=== PROBLEM REQUIREMENTS ===
Report all lines of the records that contain "IfcBuildingStorey".

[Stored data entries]
*****

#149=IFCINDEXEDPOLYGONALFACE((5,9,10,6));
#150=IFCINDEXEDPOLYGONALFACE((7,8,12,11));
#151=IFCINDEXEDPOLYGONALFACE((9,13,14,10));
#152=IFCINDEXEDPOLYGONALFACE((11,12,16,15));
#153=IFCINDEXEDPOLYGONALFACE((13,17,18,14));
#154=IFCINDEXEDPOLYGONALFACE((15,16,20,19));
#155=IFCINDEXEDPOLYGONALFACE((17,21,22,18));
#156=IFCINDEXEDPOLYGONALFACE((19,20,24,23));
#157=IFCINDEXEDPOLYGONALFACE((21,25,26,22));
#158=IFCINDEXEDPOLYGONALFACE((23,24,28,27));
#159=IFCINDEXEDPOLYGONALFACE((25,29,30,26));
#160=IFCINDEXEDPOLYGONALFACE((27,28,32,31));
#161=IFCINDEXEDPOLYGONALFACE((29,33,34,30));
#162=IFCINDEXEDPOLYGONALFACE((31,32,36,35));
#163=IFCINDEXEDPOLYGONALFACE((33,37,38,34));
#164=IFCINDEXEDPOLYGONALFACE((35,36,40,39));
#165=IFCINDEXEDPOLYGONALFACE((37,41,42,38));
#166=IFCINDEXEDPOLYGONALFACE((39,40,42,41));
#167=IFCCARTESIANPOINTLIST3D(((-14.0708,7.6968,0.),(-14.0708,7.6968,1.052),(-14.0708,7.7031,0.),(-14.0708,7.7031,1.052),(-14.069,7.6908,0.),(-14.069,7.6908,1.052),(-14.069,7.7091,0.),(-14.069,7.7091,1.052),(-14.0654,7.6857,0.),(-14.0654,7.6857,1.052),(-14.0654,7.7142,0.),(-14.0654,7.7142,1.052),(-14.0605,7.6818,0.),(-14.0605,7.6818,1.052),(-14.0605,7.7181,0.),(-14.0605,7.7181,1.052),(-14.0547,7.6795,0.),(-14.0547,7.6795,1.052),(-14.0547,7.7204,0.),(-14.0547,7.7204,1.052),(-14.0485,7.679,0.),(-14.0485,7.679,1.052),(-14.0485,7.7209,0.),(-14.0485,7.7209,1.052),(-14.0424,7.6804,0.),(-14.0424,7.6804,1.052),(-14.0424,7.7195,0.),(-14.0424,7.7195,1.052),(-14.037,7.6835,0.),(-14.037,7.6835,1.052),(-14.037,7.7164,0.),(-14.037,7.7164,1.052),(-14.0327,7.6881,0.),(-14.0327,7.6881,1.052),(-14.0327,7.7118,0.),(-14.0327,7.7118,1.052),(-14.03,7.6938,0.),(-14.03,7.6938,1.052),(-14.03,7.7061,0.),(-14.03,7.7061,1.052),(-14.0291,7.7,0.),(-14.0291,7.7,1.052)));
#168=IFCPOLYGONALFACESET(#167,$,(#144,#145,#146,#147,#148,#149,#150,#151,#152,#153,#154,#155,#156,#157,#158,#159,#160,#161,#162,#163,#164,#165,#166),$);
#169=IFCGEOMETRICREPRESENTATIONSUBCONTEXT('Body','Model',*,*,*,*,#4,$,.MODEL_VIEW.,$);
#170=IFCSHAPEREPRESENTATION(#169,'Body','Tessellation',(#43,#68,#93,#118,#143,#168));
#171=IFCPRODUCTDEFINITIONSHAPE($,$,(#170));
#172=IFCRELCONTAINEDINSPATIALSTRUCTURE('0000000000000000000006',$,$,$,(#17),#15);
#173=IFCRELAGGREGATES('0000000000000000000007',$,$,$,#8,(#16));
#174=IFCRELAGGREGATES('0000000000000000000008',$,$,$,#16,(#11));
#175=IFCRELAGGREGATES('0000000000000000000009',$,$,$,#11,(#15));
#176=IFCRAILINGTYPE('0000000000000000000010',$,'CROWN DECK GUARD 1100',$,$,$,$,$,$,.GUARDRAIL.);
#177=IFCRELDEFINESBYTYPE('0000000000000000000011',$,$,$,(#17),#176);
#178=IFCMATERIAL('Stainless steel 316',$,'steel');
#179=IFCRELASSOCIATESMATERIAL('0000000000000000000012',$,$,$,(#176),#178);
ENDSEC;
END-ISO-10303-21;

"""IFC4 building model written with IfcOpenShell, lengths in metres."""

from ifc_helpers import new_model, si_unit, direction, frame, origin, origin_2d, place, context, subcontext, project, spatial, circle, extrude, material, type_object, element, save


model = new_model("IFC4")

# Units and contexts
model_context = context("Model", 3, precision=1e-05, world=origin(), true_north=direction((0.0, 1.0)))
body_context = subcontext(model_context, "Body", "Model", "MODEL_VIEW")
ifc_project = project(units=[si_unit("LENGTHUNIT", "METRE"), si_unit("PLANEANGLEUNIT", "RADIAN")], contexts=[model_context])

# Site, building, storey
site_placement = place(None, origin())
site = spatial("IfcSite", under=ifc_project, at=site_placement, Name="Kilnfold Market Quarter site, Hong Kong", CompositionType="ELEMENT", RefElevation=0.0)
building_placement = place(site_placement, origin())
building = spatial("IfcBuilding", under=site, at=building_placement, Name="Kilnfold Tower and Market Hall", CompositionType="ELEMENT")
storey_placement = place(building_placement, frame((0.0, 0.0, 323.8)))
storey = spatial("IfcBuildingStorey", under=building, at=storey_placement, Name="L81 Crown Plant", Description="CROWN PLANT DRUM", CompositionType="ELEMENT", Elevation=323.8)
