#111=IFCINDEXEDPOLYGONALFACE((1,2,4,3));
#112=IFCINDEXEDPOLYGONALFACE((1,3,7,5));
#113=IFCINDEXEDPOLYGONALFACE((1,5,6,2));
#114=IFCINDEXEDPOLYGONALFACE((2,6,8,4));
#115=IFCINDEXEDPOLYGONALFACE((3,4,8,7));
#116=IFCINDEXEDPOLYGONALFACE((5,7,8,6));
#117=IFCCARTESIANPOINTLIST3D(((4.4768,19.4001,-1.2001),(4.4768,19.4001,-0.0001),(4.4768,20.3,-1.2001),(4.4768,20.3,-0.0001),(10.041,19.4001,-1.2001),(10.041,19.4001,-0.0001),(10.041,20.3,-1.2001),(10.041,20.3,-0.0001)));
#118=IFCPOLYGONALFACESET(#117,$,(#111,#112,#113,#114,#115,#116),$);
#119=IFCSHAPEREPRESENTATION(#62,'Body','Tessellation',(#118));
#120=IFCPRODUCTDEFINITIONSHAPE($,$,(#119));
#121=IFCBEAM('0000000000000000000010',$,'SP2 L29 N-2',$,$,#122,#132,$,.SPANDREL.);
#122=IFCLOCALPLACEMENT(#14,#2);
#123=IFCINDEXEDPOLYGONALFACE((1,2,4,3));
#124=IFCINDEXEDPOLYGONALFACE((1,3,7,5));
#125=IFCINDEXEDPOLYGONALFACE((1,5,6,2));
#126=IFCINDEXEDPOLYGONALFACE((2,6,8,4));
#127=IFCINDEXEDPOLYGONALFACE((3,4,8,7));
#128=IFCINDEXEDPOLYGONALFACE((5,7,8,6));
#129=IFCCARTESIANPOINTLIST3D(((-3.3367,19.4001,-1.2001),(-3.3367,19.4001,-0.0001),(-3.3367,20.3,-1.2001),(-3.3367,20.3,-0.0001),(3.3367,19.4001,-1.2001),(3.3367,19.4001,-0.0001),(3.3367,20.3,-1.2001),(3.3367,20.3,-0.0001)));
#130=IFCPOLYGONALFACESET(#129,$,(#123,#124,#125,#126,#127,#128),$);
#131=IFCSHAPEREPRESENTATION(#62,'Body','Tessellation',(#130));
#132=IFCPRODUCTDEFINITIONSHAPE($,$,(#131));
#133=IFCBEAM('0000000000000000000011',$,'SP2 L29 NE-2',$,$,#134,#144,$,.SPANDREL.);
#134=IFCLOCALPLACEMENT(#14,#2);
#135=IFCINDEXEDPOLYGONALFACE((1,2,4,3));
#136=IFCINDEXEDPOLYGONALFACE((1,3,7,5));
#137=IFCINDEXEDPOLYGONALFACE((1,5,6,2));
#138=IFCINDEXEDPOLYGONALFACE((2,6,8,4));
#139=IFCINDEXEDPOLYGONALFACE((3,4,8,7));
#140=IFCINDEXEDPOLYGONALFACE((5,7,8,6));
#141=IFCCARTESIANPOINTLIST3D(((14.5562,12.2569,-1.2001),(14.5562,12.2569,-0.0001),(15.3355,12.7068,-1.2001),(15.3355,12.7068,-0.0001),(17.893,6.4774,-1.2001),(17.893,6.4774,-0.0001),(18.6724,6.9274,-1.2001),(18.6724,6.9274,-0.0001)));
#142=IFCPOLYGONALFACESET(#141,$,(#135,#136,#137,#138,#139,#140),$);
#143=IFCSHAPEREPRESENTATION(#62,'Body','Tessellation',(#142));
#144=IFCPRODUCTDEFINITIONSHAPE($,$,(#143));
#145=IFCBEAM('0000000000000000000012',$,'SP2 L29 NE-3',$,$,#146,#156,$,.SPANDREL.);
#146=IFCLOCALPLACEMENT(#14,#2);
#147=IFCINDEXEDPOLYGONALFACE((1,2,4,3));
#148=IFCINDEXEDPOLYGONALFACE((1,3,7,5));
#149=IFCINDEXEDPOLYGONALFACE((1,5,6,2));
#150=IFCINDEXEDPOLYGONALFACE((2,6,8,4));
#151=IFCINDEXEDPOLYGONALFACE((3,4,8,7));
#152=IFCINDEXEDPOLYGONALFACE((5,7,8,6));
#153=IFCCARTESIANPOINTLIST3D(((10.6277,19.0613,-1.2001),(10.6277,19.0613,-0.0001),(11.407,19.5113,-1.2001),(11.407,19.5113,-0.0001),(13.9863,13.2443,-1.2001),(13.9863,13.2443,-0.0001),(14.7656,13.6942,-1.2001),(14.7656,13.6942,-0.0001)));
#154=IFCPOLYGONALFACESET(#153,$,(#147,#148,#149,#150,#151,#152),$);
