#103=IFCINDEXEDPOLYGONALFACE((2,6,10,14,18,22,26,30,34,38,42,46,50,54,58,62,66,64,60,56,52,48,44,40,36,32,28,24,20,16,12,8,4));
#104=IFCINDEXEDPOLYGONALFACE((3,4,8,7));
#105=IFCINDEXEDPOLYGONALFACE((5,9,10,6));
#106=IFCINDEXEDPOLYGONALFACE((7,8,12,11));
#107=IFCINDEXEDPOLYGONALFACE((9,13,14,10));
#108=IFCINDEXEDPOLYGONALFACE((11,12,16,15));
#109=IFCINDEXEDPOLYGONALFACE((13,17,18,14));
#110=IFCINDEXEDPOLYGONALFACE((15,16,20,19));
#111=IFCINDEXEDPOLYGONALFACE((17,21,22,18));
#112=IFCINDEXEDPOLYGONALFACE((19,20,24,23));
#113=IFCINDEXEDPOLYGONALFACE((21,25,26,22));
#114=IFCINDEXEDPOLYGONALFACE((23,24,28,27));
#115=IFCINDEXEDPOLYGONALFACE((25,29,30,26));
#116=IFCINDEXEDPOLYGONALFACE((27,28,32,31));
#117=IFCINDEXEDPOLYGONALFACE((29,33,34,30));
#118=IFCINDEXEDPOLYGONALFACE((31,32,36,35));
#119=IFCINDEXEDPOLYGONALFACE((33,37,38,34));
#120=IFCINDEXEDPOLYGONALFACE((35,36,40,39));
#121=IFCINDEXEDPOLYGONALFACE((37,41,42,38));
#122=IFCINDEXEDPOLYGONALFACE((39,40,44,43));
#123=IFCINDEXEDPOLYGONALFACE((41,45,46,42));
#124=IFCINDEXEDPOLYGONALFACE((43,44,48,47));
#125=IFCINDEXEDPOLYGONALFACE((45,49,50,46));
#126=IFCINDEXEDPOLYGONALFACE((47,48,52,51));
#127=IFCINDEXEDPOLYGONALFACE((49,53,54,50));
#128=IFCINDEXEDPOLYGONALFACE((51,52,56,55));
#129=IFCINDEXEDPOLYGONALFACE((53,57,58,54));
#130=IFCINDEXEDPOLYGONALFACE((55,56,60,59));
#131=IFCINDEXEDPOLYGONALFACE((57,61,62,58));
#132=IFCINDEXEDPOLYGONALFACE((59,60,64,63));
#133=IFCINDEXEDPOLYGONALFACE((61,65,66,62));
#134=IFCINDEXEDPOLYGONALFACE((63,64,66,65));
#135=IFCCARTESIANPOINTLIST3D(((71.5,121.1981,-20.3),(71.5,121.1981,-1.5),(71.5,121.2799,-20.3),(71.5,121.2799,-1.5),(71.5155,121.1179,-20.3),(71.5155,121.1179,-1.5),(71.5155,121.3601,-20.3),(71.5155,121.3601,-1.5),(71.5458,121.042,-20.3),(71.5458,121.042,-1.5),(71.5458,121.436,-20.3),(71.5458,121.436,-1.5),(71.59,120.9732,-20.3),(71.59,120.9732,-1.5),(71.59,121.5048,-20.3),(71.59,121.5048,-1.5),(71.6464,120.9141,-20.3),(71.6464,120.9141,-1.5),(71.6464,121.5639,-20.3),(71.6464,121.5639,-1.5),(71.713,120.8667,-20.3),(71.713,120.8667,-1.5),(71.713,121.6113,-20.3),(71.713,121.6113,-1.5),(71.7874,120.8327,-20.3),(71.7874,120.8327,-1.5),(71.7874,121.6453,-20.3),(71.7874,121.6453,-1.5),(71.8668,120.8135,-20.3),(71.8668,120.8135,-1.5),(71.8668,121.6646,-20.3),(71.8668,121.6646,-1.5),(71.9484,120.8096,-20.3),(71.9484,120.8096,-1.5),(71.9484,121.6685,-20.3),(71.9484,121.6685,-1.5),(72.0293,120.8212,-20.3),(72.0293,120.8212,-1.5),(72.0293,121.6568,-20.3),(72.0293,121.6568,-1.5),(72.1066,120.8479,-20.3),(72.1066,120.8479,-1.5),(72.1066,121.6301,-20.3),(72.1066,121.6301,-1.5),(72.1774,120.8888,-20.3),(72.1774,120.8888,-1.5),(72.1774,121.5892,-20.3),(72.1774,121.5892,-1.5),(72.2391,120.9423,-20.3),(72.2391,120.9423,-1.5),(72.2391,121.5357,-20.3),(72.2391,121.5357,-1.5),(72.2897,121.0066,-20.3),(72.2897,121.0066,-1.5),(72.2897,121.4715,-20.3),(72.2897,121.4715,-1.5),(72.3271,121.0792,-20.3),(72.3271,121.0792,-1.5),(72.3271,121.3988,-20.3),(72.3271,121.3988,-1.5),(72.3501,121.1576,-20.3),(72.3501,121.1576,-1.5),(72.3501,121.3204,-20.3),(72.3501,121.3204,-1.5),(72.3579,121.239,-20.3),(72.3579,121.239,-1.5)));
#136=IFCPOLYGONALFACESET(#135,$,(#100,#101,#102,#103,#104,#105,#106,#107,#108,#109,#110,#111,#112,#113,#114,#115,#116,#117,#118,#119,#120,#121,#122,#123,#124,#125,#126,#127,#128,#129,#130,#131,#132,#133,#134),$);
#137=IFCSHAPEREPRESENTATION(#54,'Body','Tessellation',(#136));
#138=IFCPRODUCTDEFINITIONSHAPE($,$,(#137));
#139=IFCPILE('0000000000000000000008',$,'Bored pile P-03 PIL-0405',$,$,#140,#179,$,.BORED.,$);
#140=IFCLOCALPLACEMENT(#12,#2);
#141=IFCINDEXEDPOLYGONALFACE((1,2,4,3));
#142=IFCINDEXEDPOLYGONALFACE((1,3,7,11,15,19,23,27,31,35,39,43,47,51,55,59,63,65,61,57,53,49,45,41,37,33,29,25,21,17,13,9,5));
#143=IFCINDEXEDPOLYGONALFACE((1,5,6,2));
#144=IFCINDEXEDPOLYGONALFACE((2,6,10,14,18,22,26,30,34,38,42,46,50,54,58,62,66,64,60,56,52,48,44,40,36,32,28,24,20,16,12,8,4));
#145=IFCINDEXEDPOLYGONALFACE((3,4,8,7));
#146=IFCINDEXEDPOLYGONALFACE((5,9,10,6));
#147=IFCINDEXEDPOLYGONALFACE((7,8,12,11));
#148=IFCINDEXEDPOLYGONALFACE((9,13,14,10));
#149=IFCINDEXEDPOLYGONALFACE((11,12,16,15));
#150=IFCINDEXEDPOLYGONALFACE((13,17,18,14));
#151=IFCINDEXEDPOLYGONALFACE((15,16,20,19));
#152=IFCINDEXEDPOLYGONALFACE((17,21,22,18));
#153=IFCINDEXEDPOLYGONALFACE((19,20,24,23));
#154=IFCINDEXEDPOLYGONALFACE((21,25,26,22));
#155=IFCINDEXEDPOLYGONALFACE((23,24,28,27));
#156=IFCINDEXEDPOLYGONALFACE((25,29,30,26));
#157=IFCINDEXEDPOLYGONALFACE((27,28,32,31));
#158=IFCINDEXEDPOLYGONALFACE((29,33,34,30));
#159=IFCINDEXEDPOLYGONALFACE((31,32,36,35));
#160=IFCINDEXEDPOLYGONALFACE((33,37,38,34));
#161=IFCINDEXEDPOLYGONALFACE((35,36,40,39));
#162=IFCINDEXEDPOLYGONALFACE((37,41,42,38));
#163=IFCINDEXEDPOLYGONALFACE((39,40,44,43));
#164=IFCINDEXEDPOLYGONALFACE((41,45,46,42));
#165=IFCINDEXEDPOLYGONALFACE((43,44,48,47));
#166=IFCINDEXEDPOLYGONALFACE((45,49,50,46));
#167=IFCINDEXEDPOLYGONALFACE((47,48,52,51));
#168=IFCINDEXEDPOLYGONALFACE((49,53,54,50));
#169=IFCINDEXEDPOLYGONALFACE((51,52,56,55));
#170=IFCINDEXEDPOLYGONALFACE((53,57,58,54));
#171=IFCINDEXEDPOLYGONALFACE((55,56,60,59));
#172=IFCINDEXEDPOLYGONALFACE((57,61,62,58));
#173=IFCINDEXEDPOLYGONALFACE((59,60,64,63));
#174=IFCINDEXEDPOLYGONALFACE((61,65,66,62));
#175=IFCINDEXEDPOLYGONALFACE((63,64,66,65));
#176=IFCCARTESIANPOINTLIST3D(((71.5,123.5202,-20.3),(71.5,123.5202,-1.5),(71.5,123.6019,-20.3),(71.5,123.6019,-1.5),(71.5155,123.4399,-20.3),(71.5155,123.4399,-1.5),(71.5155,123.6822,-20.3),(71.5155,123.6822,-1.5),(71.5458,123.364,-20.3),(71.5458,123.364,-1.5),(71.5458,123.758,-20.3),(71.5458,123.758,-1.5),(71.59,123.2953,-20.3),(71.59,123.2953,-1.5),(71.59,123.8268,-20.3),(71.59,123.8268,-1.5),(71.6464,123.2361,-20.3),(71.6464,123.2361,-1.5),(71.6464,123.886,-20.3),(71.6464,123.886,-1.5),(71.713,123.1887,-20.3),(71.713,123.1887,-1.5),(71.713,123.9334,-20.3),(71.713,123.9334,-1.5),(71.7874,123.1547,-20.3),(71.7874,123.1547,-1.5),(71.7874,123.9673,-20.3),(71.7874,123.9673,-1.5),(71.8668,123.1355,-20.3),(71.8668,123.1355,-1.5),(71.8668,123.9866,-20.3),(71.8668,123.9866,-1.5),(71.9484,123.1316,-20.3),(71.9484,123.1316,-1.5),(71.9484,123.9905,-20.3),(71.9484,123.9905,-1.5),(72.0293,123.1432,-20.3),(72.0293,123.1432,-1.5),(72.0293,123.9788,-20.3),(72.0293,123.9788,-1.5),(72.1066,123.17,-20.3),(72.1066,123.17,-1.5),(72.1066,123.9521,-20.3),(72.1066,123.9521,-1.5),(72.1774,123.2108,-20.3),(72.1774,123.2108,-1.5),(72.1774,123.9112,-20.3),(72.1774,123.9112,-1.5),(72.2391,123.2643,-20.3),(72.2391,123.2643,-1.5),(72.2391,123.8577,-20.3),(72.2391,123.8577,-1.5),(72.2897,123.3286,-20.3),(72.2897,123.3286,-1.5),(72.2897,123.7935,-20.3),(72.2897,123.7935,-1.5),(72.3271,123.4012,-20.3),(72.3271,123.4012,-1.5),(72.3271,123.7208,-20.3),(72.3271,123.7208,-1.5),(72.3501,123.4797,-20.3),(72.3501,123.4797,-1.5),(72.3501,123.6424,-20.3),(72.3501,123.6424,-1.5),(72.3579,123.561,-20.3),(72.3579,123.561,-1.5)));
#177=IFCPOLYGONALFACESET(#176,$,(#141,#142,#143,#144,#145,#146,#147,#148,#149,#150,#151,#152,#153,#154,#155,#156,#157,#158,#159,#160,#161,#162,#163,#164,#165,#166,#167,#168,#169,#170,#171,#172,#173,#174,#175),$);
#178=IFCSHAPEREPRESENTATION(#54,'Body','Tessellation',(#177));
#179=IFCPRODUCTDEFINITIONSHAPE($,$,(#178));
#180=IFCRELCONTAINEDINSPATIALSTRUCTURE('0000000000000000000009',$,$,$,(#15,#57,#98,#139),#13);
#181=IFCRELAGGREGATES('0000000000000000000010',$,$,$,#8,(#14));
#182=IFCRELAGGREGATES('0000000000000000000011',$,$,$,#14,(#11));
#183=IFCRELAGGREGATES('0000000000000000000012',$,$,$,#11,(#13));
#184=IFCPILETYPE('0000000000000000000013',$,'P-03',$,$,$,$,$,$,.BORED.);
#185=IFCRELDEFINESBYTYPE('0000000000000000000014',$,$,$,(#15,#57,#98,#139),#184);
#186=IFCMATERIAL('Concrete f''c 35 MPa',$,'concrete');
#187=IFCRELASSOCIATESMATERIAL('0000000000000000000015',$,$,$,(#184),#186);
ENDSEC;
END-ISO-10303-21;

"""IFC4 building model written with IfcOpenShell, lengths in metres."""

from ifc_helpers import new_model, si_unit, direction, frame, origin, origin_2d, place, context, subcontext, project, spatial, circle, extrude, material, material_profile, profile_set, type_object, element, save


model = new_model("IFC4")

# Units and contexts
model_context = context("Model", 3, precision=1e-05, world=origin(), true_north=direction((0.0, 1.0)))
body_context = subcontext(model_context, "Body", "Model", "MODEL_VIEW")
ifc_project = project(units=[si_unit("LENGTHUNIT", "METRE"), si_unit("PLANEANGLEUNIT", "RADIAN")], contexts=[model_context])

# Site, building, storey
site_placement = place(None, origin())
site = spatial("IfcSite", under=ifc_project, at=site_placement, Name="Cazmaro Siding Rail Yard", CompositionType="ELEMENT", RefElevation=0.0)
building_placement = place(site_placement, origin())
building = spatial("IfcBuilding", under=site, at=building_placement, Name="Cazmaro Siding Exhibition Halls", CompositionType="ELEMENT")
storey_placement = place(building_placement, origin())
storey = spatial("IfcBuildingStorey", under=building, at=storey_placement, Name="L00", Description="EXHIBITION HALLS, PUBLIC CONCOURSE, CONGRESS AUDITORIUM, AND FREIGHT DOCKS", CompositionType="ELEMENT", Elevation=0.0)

*****

=== SOLUTION TO THIS PROBLEM ===
storey = spatial("IfcBuildingStorey", under=building, at=storey_placement, Name="L81 Crown Plant", Description="CROWN PLANT DRUM", CompositionType="ELEMENT", Elevation=323.8)
storey = spatial("IfcBuildingStorey", under=building, at=storey_placement, Name="L00", Description="EXHIBITION HALLS, PUBLIC CONCOURSE, CONGRESS AUDITORIUM, AND FREIGHT DOCKS", CompositionType="ELEMENT", Elevation=0.0)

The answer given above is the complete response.